[Entries taken from a collection]
********

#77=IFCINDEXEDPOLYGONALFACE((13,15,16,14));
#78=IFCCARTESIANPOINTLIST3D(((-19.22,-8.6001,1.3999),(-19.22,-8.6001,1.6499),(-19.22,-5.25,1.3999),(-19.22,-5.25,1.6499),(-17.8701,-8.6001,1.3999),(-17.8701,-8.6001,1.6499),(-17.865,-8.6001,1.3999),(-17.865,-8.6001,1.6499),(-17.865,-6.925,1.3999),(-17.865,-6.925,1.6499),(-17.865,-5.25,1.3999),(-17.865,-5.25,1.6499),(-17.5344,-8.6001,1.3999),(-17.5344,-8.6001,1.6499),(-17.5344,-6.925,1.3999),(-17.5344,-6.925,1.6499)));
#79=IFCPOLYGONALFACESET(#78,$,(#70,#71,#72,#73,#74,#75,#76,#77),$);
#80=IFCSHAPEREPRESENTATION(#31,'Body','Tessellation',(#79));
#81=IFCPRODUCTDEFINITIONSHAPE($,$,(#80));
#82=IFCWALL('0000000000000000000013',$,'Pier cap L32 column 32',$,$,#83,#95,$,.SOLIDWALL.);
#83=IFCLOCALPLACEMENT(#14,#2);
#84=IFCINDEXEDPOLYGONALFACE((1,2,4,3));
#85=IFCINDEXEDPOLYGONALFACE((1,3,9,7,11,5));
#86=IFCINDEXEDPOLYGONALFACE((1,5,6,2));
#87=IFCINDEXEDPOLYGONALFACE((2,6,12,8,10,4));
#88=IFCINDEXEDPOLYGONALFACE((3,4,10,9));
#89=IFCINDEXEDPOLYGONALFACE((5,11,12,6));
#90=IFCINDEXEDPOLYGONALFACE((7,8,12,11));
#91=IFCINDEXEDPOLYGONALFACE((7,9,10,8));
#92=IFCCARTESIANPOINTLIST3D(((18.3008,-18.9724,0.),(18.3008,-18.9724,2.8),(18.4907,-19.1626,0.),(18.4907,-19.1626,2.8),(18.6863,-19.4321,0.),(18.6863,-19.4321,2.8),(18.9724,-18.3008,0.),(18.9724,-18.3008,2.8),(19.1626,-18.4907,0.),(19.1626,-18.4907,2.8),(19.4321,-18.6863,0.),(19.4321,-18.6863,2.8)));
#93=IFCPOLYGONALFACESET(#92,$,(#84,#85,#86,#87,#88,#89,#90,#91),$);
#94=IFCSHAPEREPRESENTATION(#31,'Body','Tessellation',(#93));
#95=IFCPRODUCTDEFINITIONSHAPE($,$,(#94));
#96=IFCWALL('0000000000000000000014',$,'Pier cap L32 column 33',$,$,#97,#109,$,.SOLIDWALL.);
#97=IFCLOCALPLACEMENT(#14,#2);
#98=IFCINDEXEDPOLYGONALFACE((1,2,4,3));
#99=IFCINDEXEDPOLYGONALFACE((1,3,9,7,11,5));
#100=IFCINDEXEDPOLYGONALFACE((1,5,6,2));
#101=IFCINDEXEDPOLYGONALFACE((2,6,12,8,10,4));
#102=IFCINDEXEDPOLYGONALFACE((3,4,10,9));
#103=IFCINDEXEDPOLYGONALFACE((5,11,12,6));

********

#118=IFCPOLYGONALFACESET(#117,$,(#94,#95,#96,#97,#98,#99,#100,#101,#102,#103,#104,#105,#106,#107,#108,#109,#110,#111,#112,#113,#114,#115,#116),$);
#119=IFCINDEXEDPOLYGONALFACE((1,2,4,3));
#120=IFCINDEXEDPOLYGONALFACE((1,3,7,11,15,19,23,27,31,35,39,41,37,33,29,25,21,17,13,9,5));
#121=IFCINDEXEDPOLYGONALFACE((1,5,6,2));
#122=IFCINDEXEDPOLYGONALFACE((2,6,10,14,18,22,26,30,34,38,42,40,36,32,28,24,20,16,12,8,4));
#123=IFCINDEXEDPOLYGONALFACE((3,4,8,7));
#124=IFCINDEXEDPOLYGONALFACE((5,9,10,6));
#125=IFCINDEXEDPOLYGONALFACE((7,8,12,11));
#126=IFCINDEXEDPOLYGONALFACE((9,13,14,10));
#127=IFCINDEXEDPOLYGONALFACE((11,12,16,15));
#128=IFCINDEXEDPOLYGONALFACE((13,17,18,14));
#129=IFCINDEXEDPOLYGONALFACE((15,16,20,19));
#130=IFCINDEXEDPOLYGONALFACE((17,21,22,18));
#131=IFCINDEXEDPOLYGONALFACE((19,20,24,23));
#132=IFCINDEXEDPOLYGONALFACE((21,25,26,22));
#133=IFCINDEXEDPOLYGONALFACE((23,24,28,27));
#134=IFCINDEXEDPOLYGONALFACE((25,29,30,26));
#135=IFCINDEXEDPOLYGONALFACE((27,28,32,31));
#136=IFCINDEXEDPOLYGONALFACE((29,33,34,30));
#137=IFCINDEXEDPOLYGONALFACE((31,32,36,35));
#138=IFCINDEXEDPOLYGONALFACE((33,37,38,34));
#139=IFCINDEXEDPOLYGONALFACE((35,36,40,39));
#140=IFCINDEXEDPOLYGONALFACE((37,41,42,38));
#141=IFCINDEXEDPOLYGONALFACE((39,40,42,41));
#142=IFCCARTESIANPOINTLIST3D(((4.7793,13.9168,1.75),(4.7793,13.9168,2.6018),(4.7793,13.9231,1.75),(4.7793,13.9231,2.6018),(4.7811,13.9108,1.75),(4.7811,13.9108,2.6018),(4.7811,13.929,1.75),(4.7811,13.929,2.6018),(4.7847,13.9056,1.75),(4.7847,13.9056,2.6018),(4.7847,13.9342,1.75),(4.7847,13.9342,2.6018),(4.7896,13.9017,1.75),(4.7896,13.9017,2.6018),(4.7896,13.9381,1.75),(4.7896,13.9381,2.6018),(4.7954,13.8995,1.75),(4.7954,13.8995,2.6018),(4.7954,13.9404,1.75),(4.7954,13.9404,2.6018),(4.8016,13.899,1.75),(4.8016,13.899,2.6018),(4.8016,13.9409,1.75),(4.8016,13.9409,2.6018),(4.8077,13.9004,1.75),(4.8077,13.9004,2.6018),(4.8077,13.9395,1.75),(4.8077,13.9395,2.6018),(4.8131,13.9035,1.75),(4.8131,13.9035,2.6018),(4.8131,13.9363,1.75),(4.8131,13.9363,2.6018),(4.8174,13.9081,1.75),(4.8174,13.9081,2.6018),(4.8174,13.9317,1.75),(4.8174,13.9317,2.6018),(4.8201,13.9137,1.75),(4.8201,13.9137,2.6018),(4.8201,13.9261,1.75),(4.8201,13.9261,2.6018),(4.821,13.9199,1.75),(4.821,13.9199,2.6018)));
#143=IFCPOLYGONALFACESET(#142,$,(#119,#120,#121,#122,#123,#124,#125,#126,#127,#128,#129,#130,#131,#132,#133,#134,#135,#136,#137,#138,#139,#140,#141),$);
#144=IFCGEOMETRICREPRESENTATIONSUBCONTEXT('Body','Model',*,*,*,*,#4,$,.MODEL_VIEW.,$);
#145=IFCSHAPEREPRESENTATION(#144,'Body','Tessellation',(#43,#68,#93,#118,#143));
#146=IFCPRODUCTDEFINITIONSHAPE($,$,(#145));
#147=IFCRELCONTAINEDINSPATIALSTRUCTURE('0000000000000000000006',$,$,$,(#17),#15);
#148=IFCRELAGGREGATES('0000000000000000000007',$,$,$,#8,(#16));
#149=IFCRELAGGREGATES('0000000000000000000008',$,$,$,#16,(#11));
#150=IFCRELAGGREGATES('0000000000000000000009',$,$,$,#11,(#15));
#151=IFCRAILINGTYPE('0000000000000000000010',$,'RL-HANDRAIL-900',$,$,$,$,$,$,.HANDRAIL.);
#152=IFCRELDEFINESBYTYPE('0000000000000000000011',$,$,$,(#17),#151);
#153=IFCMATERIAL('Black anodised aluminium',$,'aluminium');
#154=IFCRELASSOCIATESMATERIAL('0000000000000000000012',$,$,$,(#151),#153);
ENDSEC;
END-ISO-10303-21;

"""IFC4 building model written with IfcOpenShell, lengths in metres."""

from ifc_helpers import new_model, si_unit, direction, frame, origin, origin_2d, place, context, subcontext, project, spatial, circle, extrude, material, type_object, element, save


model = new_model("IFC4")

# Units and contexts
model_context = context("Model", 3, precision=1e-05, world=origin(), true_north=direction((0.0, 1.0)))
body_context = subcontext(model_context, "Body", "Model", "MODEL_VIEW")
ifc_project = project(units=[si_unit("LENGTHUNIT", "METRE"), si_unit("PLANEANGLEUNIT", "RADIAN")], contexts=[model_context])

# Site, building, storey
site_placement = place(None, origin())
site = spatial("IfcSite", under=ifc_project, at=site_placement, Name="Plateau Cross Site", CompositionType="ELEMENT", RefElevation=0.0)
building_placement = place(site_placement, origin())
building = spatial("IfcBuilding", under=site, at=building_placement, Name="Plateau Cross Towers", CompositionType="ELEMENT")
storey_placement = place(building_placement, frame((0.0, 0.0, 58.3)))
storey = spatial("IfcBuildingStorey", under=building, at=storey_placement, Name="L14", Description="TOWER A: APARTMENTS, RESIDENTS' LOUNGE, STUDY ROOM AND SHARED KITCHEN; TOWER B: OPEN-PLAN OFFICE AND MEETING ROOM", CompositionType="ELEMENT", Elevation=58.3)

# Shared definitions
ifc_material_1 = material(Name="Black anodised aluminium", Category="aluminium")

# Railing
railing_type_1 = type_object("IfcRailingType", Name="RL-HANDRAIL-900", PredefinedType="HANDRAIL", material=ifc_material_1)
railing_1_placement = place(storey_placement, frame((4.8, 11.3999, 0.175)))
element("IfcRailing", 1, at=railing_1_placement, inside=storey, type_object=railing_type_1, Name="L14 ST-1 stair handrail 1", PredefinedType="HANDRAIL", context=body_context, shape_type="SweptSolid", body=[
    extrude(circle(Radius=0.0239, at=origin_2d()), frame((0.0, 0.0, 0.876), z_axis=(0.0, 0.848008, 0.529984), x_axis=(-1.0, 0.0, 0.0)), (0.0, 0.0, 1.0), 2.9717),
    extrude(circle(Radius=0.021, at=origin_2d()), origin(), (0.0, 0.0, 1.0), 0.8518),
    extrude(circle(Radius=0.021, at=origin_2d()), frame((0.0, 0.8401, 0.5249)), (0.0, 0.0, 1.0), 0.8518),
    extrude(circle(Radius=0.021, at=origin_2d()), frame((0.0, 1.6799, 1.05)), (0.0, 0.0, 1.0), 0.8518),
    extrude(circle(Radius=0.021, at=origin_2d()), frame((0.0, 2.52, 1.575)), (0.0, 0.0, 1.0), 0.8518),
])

********

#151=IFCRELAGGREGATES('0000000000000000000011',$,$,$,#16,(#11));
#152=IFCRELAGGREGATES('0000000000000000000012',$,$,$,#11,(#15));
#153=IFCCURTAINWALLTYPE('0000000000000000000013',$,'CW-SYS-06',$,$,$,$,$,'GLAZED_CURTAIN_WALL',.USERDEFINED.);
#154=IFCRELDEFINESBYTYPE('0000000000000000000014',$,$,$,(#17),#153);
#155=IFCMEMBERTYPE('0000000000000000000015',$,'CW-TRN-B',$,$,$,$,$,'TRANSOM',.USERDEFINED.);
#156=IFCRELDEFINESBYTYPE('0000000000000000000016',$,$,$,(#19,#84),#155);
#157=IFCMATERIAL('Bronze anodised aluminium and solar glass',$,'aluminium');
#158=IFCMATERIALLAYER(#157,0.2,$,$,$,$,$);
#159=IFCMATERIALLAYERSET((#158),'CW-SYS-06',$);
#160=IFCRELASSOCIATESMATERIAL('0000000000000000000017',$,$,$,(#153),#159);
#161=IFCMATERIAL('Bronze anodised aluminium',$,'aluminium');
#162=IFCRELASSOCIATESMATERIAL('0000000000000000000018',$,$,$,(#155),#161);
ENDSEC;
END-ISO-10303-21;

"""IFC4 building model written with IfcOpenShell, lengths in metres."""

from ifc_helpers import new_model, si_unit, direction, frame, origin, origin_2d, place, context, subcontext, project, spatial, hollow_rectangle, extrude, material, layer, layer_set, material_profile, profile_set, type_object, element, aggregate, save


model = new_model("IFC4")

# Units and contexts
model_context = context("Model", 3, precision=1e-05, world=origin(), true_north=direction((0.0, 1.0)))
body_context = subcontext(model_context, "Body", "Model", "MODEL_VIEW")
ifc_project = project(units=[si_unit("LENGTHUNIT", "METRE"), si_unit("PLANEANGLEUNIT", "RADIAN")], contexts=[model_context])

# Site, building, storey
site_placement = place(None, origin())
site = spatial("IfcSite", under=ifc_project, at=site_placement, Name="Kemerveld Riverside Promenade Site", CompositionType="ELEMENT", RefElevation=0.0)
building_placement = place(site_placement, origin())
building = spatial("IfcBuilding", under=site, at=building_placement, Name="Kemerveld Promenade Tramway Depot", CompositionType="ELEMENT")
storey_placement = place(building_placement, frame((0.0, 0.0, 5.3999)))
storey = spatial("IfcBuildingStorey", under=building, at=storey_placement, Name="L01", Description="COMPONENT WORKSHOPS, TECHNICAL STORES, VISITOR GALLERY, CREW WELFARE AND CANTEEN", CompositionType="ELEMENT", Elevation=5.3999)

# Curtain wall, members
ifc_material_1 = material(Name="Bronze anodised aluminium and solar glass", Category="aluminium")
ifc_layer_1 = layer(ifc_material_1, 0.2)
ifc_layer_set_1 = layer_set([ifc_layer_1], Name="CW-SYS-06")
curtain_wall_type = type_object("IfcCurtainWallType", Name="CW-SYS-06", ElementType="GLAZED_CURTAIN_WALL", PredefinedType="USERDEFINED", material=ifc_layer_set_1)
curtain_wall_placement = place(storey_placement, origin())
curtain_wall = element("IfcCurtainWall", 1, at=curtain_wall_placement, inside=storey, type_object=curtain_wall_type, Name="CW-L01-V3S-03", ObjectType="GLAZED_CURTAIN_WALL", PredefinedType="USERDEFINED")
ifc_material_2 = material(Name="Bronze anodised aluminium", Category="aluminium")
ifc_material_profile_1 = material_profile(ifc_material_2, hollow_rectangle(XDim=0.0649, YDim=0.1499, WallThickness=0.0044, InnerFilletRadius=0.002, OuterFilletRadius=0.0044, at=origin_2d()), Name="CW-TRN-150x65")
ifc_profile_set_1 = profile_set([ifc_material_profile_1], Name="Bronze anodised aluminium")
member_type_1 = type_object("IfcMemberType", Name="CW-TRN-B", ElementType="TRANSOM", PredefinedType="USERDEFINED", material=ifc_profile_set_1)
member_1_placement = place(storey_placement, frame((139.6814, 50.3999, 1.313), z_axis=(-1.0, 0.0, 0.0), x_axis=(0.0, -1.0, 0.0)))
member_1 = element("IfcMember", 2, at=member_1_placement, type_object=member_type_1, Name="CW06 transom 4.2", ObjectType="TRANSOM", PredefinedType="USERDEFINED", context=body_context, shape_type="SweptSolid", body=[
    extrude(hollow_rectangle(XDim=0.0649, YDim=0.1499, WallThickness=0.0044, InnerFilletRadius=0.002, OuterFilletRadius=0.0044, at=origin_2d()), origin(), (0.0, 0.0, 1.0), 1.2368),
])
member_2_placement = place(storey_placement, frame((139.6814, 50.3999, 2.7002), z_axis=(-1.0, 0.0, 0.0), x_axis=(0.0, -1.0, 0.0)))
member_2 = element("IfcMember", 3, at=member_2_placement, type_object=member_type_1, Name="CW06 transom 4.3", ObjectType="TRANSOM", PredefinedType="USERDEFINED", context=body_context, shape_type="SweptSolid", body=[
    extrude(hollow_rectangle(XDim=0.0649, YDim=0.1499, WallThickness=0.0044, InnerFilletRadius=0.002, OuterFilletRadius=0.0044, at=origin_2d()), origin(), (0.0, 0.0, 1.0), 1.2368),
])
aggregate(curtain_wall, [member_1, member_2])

********

**What to work on**
Please copy, exactly and with nothing else, the lines above beginning at the line that has "#81=IFCPRODUCTDEFINITIONSHAPE($,$,(#80));" and ending with the line that has "#103=IFCINDEXEDPOLYGONALFACE((5,11,12,6));".

**Solved exercise**
#81=IFCPRODUCTDEFINITIONSHAPE($,$,(#80));
#82=IFCWALL('0000000000000000000013',$,'Pier cap L32 column 32',$,$,#83,#95,$,.SOLIDWALL.);
#83=IFCLOCALPLACEMENT(#14,#2);
#84=IFCINDEXEDPOLYGONALFACE((1,2,4,3));
#85=IFCINDEXEDPOLYGONALFACE((1,3,9,7,11,5));
#86=IFCINDEXEDPOLYGONALFACE((1,5,6,2));
#87=IFCINDEXEDPOLYGONALFACE((2,6,12,8,10,4));
#88=IFCINDEXEDPOLYGONALFACE((3,4,10,9));
#89=IFCINDEXEDPOLYGONALFACE((5,11,12,6));
#90=IFCINDEXEDPOLYGONALFACE((7,8,12,11));
#91=IFCINDEXEDPOLYGONALFACE((7,9,10,8));
#92=IFCCARTESIANPOINTLIST3D(((18.3008,-18.9724,0.),(18.3008,-18.9724,2.8),(18.4907,-19.1626,0.),(18.4907,-19.1626,2.8),(18.6863,-19.4321,0.),(18.6863,-19.4321,2.8),(18.9724,-18.3008,0.),(18.9724,-18.3008,2.8),(19.1626,-18.4907,0.),(19.1626,-18.4907,2.8),(19.4321,-18.6863,0.),(19.4321,-18.6863,2.8)));
#93=IFCPOLYGONALFACESET(#92,$,(#84,#85,#86,#87,#88,#89,#90,#91),$);
#94=IFCSHAPEREPRESENTATION(#31,'Body','Tessellation',(#93));
#95=IFCPRODUCTDEFINITIONSHAPE($,$,(#94));
#96=IFCWALL('0000000000000000000014',$,'Pier cap L32 column 33',$,$,#97,#109,$,.SOLIDWALL.);
#97=IFCLOCALPLACEMENT(#14,#2);
#98=IFCINDEXEDPOLYGONALFACE((1,2,4,3));
#99=IFCINDEXEDPOLYGONALFACE((1,3,9,7,11,5));
#100=IFCINDEXEDPOLYGONALFACE((1,5,6,2));
#101=IFCINDEXEDPOLYGONALFACE((2,6,12,8,10,4));
#102=IFCINDEXEDPOLYGONALFACE((3,4,10,9));
#103=IFCINDEXEDPOLYGONALFACE((5,11,12,6));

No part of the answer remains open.